> **Task requirements**:
Copy each line below in which the word "Fireboard" occurs.

> **Data supplied**:
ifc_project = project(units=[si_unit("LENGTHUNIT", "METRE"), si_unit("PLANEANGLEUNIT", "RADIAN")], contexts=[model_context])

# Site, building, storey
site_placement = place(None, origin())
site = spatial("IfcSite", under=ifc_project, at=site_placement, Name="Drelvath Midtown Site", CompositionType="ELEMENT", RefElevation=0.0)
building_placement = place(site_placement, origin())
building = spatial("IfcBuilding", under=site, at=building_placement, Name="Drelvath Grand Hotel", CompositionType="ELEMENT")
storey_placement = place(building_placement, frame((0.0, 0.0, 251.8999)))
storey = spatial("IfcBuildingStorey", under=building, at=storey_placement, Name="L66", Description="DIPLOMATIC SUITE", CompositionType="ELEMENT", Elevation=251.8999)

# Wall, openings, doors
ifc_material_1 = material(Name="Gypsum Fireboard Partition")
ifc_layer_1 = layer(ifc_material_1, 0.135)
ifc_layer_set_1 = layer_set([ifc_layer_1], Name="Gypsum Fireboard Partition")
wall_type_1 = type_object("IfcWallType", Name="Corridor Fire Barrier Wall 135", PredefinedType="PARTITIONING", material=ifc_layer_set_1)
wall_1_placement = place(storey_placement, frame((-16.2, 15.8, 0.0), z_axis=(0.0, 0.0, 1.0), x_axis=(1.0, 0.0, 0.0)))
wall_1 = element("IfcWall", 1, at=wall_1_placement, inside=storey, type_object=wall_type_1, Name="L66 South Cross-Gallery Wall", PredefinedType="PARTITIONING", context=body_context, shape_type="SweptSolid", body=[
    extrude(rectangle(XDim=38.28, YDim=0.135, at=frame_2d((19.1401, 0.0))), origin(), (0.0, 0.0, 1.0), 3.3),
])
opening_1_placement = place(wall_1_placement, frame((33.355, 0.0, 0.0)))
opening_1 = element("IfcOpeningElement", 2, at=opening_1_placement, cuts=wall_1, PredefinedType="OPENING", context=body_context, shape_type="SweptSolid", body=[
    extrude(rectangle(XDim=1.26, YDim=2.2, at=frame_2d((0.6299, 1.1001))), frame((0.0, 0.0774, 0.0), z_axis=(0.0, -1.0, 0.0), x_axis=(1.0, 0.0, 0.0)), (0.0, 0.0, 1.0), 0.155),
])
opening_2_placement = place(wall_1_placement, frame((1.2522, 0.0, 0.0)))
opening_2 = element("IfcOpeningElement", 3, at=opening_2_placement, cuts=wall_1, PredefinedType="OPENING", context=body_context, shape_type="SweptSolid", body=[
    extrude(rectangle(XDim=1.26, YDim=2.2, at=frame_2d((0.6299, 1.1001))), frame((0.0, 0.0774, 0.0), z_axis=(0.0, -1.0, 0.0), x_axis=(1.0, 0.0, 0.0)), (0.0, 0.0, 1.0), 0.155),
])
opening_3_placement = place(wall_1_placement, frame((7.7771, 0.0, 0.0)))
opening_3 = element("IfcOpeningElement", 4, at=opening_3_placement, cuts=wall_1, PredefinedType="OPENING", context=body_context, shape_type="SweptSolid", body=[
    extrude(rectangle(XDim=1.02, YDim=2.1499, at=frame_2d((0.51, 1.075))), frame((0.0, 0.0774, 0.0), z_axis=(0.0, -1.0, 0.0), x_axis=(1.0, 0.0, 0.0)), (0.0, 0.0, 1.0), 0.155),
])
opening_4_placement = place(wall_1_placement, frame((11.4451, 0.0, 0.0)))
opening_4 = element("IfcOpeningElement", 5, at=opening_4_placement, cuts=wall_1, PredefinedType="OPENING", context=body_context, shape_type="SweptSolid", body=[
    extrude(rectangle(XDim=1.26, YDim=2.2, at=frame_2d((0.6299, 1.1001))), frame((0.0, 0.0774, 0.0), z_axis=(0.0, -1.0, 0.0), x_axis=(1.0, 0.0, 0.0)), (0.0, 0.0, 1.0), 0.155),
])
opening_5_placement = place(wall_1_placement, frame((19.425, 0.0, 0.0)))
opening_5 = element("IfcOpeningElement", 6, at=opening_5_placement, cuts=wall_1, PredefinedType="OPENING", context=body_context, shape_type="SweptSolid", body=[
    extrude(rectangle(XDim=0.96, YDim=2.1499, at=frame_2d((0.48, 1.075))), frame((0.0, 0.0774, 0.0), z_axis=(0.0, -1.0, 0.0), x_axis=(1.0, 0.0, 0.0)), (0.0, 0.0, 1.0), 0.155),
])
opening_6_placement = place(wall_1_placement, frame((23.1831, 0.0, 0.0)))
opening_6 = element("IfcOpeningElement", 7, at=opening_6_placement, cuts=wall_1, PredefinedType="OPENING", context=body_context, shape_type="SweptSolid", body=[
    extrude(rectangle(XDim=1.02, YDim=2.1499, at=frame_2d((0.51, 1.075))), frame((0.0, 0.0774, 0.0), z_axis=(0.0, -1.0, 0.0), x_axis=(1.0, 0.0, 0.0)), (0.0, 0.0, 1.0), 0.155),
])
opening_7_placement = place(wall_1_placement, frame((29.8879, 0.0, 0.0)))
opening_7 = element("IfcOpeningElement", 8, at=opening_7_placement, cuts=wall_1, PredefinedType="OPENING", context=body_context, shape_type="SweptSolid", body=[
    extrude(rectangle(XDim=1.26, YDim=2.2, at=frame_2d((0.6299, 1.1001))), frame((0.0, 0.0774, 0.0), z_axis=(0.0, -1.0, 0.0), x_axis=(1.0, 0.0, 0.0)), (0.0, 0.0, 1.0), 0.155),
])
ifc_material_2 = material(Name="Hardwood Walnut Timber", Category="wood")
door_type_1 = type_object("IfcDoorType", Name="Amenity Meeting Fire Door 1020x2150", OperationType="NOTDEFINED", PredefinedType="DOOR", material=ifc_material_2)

> **Task response**:
ifc_material_1 = material(Name="Gypsum Fireboard Partition")
ifc_layer_set_1 = layer_set([ifc_layer_1], Name="Gypsum Fireboard Partition")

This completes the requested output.